Start of Block

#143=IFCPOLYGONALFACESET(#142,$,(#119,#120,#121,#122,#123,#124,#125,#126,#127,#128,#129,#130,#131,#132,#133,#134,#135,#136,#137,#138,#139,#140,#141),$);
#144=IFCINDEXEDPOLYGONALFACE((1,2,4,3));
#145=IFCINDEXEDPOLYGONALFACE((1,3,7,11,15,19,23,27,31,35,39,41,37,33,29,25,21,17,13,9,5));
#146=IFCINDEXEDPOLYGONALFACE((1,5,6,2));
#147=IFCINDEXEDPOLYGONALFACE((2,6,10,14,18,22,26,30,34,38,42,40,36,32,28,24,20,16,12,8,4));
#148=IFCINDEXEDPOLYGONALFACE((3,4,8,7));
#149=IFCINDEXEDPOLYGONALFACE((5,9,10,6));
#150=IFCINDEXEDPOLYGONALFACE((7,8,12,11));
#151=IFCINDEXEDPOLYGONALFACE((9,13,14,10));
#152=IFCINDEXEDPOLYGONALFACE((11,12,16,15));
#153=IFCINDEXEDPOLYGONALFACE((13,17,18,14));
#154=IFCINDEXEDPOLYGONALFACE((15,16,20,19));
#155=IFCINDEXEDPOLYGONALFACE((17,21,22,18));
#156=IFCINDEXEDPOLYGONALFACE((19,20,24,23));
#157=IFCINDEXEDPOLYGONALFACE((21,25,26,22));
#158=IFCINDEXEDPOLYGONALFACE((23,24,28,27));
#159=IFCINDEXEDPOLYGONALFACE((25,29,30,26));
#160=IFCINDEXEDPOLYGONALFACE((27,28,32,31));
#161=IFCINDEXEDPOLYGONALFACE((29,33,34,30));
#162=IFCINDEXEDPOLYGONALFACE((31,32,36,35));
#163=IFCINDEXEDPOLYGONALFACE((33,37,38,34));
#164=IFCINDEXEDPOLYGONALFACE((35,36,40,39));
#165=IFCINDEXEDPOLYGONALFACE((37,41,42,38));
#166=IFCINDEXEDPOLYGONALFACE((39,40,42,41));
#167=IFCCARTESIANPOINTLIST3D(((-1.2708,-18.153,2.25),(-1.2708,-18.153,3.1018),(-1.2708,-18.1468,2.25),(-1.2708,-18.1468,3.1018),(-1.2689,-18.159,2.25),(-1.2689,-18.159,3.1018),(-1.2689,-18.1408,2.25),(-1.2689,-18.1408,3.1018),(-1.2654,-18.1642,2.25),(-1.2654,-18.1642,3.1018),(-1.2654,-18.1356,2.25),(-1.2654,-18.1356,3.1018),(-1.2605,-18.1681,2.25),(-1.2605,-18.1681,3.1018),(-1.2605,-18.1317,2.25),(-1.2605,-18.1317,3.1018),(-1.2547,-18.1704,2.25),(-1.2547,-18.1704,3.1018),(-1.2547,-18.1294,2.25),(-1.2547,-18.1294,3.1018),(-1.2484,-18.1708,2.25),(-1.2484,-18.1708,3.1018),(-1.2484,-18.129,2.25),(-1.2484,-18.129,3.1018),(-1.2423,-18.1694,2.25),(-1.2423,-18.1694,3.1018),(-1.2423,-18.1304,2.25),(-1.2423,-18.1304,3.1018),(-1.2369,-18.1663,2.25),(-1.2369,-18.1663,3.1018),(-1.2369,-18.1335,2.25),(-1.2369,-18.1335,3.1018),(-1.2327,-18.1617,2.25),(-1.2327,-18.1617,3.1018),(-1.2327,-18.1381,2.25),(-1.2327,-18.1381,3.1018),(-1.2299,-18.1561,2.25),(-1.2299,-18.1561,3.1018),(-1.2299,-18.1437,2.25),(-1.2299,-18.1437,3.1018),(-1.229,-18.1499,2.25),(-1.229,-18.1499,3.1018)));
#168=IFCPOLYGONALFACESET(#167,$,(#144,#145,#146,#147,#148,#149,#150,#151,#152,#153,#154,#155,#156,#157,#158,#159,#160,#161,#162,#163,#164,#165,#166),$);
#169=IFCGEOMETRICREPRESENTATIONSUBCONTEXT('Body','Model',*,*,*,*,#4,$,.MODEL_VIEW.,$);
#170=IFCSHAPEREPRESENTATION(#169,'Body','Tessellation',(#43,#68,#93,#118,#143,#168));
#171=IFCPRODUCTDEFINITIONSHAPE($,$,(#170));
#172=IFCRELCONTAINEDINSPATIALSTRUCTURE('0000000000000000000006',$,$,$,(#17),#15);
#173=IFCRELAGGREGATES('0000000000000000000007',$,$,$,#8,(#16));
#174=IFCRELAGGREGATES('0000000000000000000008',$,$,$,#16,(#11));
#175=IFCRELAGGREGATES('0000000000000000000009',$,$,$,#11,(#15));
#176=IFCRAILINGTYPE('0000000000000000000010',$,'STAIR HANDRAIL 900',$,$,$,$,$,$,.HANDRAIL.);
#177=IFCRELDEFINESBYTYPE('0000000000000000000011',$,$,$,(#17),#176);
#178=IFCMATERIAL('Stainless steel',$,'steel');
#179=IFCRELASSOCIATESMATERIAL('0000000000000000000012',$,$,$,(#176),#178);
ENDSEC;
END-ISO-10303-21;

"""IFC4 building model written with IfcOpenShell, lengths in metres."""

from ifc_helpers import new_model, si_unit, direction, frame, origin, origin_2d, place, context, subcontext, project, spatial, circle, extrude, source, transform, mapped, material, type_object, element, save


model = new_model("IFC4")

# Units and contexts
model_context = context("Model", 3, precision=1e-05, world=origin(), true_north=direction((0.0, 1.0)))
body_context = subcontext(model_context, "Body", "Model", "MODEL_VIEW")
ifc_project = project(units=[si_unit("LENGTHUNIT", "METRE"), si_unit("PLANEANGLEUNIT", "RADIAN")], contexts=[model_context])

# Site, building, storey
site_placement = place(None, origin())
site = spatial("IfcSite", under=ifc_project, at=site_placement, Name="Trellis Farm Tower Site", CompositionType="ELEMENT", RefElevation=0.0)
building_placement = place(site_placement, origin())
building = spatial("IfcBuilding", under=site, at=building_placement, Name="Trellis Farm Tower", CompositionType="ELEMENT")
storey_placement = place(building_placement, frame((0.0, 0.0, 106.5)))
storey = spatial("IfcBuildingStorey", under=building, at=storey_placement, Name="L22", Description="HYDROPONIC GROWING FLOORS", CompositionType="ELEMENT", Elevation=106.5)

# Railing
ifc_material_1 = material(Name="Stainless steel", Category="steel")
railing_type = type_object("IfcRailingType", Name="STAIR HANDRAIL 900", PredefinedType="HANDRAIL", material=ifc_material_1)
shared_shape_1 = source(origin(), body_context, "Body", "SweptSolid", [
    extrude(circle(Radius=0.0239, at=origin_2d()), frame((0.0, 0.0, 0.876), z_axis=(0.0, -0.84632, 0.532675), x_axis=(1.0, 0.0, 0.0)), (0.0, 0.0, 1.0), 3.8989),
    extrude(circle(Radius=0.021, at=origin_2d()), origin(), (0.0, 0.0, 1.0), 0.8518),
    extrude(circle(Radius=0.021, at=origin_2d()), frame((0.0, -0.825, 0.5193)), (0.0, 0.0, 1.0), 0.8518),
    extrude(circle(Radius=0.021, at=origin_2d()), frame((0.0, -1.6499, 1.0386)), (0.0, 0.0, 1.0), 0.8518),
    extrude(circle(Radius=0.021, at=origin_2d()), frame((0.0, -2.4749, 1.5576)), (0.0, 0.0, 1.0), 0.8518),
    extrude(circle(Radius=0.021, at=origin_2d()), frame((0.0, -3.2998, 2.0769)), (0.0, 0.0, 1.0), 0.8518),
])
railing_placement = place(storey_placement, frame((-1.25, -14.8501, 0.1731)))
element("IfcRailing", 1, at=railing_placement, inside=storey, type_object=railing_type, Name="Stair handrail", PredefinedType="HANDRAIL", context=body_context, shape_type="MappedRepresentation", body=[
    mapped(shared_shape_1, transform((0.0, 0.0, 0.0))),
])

End of Block

Starting with the line that holds "#160=IFCINDEXEDPOLYGONALFACE((27,28,32,31));" and ending with the line that holds "#166=IFCINDEXEDPOLYGONALFACE((39,40,42,41));", retype every line in the data above exactly, and nothing else.

#160=IFCINDEXEDPOLYGONALFACE((27,28,32,31));
#161=IFCINDEXEDPOLYGONALFACE((29,33,34,30));
#162=IFCINDEXEDPOLYGONALFACE((31,32,36,35));
#163=IFCINDEXEDPOLYGONALFACE((33,37,38,34));
#164=IFCINDEXEDPOLYGONALFACE((35,36,40,39));
#165=IFCINDEXEDPOLYGONALFACE((37,41,42,38));
#166=IFCINDEXEDPOLYGONALFACE((39,40,42,41));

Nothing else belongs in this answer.